» **Exercise instructions**: A bare number is the only acceptable answer: how many lines of these entries include "extrude"?

» **Provided records**:
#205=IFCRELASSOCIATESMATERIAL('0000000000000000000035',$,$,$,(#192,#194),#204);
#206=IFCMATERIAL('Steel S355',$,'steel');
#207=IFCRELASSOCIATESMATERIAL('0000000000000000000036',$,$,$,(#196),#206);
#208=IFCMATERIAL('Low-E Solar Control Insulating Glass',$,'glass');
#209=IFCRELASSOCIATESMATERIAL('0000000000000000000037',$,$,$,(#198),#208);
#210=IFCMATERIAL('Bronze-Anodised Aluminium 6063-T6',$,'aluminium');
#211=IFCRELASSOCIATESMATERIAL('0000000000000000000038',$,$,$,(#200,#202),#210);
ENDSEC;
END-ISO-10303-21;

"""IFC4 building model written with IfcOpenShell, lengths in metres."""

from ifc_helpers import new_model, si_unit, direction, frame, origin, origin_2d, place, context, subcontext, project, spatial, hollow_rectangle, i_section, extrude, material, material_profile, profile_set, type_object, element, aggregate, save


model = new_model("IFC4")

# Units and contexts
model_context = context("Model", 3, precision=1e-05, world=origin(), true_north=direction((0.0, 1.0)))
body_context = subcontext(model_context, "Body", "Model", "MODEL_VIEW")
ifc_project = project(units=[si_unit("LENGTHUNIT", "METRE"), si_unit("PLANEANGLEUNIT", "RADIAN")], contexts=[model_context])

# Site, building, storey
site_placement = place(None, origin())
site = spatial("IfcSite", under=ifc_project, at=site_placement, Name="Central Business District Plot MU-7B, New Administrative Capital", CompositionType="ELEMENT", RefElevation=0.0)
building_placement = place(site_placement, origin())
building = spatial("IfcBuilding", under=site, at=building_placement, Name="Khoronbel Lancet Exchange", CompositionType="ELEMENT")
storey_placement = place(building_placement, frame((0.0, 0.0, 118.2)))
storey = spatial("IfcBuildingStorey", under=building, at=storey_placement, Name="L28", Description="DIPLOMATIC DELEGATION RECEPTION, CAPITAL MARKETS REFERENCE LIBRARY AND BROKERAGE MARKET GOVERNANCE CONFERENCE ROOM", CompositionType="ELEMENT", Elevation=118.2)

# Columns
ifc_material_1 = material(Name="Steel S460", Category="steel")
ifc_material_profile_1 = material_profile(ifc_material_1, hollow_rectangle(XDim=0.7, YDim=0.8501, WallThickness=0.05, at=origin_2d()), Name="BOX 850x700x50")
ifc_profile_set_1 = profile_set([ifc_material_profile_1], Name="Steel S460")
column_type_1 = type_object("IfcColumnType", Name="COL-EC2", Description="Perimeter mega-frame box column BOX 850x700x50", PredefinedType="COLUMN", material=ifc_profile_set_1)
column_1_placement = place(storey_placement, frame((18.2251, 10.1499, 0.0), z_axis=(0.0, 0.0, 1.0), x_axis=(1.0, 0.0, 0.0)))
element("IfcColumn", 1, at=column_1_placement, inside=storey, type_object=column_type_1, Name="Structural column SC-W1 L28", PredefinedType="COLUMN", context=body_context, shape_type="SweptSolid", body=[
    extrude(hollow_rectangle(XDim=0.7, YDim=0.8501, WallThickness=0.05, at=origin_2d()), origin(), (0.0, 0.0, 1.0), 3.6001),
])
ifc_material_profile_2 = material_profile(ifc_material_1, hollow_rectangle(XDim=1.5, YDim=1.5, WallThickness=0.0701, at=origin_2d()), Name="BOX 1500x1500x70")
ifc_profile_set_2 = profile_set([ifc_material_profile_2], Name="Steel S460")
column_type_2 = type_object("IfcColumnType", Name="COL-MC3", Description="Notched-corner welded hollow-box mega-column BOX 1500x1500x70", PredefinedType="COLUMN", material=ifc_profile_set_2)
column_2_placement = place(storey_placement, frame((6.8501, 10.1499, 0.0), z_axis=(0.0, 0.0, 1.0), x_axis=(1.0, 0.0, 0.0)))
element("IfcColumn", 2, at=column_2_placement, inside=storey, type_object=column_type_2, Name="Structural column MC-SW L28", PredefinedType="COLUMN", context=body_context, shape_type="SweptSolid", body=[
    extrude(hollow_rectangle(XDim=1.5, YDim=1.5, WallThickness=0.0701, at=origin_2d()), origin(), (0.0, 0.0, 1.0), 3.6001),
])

» **Result**: 3